**About this exercise:**
Would you reproduce exactly the lines below from the one holding "frame((0.0, 0.0, 65.3999)))" through the one holding "x_axis=(-1.0, 0.0, 0.0)))", inclusive, and no others?

**Information:**
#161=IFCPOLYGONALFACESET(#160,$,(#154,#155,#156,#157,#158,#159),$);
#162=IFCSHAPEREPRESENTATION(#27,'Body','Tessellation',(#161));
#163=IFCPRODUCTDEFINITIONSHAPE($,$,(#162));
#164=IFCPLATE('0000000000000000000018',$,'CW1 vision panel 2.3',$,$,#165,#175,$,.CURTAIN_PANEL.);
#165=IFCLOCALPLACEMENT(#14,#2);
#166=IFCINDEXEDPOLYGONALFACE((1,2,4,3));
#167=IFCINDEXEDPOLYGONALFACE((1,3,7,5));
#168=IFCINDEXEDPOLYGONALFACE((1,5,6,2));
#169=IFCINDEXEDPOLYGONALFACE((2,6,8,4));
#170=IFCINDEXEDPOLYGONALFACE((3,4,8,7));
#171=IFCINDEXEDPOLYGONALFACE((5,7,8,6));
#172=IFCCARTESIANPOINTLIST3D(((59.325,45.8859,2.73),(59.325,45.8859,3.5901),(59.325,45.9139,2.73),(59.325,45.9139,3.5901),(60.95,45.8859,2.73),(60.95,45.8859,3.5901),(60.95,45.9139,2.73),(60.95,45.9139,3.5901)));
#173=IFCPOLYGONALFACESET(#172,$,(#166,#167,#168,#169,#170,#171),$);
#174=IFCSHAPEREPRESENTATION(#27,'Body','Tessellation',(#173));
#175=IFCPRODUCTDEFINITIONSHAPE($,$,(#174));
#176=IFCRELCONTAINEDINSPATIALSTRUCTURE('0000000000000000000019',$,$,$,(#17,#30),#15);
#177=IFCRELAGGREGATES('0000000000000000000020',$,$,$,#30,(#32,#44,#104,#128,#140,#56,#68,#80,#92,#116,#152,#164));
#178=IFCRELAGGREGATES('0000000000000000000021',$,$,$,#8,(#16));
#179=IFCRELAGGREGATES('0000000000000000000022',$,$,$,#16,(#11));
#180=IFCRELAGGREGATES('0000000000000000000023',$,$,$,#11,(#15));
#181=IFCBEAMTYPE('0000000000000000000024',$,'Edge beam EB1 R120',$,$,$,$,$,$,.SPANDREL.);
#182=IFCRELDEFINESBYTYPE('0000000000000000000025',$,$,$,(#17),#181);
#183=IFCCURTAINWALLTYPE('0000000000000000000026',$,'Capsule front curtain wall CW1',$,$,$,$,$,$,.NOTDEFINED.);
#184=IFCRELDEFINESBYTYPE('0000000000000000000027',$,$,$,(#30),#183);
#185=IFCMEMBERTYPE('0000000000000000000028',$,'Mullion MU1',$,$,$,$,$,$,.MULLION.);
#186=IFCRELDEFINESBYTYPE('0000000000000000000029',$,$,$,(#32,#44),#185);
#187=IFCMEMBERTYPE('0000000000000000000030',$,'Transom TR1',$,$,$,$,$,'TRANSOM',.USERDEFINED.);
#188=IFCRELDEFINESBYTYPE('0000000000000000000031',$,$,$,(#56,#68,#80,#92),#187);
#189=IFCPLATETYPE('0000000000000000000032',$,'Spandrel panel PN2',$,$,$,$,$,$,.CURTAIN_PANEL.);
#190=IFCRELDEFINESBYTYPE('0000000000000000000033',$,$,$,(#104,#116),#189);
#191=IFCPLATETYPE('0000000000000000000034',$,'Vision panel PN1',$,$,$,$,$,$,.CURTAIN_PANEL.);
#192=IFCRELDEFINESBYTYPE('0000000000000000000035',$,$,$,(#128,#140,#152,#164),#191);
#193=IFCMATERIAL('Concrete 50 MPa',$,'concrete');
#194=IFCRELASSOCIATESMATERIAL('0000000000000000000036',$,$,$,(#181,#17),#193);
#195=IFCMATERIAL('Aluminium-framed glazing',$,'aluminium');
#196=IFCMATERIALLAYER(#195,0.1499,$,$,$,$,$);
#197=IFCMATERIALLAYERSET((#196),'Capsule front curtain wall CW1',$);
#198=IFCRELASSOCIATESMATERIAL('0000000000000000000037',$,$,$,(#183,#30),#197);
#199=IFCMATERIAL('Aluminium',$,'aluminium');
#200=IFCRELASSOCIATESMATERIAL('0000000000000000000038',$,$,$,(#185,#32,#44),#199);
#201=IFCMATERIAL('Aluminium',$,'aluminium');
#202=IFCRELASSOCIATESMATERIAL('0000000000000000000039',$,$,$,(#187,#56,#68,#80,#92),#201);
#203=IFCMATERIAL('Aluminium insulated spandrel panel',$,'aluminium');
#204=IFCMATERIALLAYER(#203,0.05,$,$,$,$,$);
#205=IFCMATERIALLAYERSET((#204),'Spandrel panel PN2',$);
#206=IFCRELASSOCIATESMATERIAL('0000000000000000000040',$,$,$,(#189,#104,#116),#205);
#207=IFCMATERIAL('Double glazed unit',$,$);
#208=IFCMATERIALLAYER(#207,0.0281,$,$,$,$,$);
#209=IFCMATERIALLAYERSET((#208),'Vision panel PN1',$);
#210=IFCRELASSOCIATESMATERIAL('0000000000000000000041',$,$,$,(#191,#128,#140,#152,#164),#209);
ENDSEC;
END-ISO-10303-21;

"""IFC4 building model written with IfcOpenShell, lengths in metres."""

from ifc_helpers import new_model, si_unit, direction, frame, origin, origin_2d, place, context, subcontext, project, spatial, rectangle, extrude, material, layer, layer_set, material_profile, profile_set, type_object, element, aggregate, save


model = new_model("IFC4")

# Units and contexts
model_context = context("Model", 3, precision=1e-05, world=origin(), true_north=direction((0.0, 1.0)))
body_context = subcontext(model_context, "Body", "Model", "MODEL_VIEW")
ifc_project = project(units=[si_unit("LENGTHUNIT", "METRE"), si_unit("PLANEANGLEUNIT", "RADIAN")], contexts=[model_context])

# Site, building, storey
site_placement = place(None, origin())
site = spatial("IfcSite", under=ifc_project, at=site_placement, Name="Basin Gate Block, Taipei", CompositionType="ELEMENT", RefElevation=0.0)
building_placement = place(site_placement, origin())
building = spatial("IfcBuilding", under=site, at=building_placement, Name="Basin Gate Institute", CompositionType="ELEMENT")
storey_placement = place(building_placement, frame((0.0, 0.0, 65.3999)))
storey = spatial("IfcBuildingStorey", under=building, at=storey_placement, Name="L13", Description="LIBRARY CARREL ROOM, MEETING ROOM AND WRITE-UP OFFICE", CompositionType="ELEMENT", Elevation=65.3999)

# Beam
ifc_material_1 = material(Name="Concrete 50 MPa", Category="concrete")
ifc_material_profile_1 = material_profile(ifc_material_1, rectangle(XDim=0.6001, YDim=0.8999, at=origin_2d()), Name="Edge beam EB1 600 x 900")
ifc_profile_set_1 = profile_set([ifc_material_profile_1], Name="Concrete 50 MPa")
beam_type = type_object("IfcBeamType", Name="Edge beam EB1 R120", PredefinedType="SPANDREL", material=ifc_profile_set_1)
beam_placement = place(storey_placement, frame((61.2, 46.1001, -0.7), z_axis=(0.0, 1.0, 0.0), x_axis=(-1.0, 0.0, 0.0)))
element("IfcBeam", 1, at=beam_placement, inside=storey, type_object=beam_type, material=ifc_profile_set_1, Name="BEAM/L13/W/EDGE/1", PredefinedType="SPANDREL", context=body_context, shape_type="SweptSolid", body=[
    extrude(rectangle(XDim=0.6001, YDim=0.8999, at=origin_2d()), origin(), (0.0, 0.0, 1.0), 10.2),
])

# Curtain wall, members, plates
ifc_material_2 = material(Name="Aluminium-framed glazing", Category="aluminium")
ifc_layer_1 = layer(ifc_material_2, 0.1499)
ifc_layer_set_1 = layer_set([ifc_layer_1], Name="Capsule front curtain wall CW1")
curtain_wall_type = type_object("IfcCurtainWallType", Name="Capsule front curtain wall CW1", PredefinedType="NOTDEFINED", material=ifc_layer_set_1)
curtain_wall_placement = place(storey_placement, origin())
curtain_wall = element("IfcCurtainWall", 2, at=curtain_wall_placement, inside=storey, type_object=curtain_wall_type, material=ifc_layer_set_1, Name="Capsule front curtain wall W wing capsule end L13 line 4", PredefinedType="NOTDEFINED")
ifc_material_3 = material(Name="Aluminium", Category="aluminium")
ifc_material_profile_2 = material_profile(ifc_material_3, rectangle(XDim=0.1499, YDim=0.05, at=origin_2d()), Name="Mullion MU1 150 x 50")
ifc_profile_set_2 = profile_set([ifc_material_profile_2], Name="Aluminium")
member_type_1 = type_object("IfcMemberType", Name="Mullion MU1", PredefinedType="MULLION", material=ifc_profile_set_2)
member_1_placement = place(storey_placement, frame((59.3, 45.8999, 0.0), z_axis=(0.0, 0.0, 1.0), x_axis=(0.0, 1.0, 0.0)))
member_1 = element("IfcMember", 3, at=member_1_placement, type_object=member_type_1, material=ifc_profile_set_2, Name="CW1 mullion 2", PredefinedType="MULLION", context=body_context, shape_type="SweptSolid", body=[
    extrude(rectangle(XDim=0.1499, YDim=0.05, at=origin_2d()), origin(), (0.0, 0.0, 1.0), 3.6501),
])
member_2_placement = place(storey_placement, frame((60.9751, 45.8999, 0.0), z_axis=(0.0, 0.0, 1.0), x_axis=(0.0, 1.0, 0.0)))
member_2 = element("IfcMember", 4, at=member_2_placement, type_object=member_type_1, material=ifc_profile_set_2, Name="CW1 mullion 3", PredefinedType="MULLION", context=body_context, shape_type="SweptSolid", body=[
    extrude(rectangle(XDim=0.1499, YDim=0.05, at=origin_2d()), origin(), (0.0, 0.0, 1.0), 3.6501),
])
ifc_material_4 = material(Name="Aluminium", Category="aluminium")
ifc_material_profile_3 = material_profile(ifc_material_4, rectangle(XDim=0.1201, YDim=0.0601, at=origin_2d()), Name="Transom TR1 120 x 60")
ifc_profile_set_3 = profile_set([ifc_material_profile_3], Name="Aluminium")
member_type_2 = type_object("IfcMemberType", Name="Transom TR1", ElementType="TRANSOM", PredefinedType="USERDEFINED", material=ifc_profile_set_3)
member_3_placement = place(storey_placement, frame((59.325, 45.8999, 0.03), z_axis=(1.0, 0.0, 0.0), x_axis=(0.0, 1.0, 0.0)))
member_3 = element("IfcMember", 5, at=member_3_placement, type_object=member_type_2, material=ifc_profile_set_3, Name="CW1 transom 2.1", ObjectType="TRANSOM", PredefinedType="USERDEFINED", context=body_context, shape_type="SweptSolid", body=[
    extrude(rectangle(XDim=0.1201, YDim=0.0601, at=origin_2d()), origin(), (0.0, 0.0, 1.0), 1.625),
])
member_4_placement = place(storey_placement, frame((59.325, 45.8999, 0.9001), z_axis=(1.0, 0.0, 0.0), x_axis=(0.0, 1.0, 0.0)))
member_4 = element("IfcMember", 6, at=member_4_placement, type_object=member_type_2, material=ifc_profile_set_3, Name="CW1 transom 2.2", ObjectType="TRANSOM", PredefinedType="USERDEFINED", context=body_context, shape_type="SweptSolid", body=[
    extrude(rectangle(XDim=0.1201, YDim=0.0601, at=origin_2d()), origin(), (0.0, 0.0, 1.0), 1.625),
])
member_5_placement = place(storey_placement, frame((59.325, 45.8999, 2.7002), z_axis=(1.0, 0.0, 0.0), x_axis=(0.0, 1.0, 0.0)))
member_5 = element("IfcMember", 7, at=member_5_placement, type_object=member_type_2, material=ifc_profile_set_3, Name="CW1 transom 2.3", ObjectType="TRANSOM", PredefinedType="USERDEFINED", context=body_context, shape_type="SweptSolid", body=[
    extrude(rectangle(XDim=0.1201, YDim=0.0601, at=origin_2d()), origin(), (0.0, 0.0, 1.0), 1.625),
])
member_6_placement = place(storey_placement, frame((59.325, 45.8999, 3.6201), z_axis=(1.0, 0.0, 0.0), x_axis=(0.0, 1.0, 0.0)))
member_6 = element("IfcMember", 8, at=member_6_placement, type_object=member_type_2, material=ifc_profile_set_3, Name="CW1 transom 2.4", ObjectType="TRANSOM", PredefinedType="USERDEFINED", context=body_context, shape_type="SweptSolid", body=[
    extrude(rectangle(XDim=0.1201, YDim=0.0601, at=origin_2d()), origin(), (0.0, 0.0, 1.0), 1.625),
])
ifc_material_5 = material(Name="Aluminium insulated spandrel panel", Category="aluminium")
* * *
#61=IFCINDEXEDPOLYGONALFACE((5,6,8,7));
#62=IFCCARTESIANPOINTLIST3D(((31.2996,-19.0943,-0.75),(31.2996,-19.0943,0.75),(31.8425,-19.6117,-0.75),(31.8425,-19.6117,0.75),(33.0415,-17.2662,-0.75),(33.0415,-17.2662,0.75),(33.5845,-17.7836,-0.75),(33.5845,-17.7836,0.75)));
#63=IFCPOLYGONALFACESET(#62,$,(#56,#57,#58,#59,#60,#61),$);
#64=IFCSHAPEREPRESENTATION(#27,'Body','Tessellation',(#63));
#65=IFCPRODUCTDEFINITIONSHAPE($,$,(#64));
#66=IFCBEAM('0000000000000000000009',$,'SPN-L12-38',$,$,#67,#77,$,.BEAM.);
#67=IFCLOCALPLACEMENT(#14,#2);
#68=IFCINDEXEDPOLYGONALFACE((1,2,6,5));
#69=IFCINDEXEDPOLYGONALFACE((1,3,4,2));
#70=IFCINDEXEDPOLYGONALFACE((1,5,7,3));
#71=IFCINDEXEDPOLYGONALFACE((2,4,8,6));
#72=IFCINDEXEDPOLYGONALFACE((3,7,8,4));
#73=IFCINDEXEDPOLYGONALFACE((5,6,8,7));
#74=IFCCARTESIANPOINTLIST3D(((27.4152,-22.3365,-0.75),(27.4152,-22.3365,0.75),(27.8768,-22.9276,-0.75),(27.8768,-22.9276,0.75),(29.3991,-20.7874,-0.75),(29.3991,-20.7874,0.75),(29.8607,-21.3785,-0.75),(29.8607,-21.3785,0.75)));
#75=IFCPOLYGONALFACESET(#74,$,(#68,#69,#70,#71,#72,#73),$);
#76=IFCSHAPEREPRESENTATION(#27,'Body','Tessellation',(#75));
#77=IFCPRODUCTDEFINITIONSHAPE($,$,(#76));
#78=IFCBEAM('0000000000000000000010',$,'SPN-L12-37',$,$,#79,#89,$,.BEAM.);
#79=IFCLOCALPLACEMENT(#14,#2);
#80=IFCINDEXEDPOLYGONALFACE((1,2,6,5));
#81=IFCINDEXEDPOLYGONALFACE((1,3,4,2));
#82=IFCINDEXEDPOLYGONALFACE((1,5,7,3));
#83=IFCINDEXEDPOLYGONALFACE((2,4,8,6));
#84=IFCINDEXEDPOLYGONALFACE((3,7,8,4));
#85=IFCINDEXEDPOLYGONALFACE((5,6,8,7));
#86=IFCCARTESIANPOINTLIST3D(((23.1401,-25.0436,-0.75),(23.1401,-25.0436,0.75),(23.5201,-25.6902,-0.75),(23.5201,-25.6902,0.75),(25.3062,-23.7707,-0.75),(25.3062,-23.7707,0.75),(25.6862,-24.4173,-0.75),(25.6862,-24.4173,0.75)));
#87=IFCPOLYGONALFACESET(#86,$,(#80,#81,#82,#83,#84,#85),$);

**Task solution:**
storey_placement = place(building_placement, frame((0.0, 0.0, 65.3999)))
storey = spatial("IfcBuildingStorey", under=building, at=storey_placement, Name="L13", Description="LIBRARY CARREL ROOM, MEETING ROOM AND WRITE-UP OFFICE", CompositionType="ELEMENT", Elevation=65.3999)

# Beam
ifc_material_1 = material(Name="Concrete 50 MPa", Category="concrete")
ifc_material_profile_1 = material_profile(ifc_material_1, rectangle(XDim=0.6001, YDim=0.8999, at=origin_2d()), Name="Edge beam EB1 600 x 900")
ifc_profile_set_1 = profile_set([ifc_material_profile_1], Name="Concrete 50 MPa")
beam_type = type_object("IfcBeamType", Name="Edge beam EB1 R120", PredefinedType="SPANDREL", material=ifc_profile_set_1)
beam_placement = place(storey_placement, frame((61.2, 46.1001, -0.7), z_axis=(0.0, 1.0, 0.0), x_axis=(-1.0, 0.0, 0.0)))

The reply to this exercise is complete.